Collected data:
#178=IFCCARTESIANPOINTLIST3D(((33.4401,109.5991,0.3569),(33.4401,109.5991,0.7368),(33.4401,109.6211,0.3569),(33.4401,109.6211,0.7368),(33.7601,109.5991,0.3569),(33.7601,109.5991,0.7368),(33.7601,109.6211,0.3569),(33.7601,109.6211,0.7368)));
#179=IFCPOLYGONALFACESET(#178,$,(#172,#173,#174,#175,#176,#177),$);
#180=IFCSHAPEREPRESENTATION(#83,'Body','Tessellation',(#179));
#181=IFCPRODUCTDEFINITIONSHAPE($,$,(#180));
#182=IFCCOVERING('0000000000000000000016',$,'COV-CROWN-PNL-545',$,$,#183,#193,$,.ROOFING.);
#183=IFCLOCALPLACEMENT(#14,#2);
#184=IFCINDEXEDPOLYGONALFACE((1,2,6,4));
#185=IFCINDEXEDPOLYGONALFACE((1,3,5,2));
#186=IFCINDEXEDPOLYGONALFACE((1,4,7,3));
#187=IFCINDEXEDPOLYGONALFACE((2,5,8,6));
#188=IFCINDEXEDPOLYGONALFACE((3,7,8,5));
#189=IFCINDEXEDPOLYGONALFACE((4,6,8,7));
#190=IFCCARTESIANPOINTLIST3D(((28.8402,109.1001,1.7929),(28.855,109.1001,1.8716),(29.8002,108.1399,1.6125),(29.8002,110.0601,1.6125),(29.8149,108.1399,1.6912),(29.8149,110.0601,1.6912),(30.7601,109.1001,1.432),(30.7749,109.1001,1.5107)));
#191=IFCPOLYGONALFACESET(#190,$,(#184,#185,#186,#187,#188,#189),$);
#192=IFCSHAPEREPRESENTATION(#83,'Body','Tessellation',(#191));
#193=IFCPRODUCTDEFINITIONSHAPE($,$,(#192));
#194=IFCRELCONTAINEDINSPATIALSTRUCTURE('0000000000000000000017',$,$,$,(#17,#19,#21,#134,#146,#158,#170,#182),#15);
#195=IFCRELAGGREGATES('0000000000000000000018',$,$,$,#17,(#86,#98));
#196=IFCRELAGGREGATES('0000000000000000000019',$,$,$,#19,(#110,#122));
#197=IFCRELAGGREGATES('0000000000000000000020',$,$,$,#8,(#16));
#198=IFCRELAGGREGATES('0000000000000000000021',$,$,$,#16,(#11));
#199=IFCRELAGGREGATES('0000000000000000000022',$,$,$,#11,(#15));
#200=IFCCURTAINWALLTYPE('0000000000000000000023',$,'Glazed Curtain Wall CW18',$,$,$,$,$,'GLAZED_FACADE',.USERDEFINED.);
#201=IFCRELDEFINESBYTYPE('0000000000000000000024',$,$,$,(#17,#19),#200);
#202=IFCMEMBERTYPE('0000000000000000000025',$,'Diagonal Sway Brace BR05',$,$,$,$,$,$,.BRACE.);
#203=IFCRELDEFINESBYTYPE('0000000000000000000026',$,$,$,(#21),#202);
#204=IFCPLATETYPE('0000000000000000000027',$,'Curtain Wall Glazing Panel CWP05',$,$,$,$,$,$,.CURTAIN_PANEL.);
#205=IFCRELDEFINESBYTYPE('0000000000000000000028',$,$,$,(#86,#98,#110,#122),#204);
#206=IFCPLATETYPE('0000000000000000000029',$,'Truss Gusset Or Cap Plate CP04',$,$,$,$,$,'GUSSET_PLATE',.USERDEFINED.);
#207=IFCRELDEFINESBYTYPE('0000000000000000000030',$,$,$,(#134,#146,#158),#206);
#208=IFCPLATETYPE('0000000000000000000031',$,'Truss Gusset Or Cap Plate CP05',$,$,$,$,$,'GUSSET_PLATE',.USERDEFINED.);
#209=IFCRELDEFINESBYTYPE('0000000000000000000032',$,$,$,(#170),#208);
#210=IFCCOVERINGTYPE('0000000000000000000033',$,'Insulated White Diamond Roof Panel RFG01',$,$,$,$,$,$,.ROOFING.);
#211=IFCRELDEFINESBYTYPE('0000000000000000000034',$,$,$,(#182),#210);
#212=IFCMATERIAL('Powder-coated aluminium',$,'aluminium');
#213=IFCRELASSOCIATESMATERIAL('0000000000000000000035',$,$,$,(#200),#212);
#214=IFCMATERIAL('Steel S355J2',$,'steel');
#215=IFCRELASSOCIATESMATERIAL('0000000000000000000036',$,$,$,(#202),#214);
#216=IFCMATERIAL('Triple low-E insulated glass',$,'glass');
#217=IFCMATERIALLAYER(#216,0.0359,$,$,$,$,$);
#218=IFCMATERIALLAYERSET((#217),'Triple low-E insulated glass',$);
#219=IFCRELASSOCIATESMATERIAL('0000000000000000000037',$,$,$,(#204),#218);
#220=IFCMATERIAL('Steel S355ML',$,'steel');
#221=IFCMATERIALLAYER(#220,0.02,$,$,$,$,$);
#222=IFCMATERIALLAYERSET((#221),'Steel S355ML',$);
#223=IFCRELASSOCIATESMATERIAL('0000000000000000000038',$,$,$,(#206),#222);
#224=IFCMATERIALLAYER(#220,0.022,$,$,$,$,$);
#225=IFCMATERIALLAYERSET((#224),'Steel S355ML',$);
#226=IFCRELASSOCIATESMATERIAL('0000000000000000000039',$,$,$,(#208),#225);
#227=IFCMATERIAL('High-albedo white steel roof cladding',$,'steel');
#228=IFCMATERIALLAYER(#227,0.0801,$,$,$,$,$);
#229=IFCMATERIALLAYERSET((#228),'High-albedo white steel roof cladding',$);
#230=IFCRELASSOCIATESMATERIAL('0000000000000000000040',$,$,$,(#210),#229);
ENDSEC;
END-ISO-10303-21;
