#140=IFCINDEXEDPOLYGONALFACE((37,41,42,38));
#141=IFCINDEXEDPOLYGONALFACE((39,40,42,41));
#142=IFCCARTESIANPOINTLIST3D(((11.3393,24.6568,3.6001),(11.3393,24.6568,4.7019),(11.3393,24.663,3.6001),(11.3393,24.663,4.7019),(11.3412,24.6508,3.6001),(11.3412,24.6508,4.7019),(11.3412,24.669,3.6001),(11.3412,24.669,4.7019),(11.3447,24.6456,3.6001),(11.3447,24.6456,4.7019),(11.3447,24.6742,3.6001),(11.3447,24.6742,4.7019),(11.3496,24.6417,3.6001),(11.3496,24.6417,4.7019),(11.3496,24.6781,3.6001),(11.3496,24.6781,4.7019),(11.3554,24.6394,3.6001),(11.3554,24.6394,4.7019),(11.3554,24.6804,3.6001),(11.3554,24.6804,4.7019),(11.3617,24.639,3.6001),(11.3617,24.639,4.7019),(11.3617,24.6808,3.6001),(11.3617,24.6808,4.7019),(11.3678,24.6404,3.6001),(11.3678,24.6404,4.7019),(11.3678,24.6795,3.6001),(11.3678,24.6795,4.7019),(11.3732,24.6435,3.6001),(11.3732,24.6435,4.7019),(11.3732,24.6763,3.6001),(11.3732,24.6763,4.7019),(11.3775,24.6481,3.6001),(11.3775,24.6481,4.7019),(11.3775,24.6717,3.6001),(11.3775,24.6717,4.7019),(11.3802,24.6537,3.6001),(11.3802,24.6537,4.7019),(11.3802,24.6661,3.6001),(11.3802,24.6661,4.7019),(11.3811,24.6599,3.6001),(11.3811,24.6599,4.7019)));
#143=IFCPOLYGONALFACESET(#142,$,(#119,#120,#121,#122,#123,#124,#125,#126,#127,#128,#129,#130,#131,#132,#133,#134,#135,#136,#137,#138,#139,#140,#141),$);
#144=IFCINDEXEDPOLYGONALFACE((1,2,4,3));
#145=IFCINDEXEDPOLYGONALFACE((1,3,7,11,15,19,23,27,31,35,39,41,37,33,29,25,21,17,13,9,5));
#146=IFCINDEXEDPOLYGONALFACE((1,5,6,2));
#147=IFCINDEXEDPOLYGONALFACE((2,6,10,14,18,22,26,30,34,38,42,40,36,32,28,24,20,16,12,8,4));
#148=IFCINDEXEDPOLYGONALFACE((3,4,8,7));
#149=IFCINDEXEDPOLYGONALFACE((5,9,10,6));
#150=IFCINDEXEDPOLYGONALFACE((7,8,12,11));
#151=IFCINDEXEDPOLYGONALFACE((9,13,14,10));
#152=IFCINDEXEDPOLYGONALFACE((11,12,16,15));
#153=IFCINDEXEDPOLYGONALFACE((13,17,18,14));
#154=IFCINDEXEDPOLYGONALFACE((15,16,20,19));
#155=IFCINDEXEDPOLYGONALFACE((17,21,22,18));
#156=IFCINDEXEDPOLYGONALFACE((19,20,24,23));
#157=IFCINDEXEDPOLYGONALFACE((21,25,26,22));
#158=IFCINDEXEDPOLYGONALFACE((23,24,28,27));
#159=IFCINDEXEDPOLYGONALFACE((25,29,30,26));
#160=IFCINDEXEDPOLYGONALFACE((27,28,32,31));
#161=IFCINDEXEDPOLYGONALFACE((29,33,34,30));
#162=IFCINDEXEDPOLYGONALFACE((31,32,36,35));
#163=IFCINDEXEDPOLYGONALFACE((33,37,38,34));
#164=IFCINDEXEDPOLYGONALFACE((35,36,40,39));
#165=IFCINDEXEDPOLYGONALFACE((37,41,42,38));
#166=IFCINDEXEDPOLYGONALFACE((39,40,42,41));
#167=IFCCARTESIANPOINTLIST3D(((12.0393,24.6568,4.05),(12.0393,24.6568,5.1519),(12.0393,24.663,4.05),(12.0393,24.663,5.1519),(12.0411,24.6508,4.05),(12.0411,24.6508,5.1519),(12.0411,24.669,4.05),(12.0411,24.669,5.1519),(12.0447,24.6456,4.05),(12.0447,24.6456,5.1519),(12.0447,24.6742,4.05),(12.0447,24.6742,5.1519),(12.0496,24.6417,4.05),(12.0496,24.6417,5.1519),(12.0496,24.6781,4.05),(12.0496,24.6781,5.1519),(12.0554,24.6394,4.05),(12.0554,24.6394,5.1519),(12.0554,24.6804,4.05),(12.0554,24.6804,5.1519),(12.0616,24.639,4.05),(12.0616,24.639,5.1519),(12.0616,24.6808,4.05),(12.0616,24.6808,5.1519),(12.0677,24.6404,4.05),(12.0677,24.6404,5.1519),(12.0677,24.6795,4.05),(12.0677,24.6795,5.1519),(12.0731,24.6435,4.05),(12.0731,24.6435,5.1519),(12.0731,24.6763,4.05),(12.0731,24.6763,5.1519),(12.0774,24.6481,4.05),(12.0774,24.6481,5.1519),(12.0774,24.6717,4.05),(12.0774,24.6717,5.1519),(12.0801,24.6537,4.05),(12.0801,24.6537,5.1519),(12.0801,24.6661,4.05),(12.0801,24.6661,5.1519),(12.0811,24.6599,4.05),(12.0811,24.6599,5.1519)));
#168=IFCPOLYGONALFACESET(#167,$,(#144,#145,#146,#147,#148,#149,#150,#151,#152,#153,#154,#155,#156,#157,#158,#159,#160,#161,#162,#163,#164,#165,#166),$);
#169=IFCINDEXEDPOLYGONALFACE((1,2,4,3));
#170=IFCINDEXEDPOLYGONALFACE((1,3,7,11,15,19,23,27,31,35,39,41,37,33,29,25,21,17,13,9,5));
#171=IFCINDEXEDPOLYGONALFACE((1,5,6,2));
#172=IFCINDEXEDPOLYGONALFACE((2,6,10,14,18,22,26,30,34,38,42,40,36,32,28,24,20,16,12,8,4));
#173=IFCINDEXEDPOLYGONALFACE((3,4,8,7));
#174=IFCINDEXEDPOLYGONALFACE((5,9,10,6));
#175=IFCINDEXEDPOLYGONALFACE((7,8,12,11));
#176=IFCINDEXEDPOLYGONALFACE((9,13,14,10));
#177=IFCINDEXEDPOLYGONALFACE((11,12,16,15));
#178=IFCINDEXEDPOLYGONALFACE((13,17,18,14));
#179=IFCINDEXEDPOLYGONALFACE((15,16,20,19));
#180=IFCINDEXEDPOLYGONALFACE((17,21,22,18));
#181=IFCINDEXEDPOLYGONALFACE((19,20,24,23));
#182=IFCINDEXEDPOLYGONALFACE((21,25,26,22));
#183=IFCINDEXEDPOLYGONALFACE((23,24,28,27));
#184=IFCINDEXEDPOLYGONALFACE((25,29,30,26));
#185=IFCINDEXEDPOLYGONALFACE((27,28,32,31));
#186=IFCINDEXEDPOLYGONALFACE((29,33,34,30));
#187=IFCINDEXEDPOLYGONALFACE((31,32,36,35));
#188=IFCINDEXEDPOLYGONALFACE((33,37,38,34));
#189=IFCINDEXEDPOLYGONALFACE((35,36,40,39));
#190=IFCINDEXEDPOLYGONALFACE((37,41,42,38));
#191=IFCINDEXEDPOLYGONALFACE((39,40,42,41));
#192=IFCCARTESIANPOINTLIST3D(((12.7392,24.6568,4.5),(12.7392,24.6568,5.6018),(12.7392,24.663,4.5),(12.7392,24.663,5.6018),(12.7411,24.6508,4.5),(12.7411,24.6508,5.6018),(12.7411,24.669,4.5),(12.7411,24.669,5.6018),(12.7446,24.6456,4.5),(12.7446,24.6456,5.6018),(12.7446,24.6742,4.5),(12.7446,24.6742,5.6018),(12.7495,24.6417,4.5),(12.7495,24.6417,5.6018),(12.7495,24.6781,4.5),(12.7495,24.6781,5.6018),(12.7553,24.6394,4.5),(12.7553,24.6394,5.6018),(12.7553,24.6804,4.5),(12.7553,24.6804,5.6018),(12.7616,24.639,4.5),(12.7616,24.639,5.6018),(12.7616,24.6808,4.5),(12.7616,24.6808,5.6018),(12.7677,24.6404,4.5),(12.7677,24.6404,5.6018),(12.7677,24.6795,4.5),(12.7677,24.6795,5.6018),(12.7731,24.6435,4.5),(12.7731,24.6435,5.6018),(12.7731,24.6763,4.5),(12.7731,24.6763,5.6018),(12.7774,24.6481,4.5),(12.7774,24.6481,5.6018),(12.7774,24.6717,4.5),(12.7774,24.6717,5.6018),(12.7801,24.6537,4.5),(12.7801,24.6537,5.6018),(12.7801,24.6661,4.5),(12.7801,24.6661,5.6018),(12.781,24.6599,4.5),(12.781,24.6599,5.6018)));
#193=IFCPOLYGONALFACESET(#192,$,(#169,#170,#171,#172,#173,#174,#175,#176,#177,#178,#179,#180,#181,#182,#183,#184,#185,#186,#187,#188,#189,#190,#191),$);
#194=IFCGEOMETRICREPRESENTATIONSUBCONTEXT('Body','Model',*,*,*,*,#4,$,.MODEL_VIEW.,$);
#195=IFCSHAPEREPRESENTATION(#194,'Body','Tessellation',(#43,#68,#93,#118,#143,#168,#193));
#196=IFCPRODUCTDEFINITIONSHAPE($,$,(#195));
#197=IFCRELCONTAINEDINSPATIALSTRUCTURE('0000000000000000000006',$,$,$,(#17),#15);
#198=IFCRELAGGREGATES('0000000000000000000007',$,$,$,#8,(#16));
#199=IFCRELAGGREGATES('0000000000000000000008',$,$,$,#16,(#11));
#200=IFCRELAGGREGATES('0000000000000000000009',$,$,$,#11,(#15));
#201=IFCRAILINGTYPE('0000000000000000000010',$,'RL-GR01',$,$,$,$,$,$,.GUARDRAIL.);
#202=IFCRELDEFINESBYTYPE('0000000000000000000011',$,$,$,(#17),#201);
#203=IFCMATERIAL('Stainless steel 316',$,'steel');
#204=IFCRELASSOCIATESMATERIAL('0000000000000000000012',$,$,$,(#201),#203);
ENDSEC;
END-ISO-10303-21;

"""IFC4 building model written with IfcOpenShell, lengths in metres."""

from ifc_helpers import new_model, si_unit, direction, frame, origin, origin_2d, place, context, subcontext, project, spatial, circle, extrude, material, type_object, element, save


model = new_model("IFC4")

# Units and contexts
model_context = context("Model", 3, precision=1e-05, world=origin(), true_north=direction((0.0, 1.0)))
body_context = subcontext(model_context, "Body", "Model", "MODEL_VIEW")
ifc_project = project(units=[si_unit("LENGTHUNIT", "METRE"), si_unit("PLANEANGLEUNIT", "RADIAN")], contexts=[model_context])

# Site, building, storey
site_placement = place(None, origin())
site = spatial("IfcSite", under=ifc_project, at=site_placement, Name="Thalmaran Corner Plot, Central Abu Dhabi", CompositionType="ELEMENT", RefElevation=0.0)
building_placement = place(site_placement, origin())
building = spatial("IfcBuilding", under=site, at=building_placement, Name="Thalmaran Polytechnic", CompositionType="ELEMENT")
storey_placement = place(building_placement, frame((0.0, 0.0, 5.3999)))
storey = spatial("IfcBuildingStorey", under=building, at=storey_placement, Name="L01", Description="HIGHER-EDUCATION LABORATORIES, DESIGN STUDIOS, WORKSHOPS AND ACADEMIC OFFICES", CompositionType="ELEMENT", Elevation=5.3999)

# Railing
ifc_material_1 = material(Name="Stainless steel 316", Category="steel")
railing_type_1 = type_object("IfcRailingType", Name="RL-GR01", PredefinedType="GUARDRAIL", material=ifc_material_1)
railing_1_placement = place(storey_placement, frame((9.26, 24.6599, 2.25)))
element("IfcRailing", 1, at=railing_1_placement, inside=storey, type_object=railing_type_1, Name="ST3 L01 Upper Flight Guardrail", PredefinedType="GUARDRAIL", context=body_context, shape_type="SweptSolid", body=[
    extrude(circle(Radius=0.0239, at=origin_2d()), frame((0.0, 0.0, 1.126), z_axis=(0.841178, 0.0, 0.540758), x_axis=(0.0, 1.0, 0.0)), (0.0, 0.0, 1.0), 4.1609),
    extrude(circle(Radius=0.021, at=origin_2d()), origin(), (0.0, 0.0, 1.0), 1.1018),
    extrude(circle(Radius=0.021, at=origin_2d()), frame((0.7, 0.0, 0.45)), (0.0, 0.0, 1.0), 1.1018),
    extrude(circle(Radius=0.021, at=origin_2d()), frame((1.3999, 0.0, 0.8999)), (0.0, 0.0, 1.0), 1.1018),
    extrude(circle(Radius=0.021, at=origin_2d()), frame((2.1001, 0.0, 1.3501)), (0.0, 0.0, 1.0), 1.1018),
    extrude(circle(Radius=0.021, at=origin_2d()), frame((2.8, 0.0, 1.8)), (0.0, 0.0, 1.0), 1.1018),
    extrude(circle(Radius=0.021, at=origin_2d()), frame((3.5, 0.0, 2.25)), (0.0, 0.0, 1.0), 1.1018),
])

> **Task goal**: Retype only this range exactly: the first line of the data through the line where "#180=IFCSHAPEREPRESENTATION(#83,'Body','Tessellation',(#179));" appears.

> **Answer box**:
#178=IFCCARTESIANPOINTLIST3D(((33.4401,109.5991,0.3569),(33.4401,109.5991,0.7368),(33.4401,109.6211,0.3569),(33.4401,109.6211,0.7368),(33.7601,109.5991,0.3569),(33.7601,109.5991,0.7368),(33.7601,109.6211,0.3569),(33.7601,109.6211,0.7368)));
#179=IFCPOLYGONALFACESET(#178,$,(#172,#173,#174,#175,#176,#177),$);
#180=IFCSHAPEREPRESENTATION(#83,'Body','Tessellation',(#179));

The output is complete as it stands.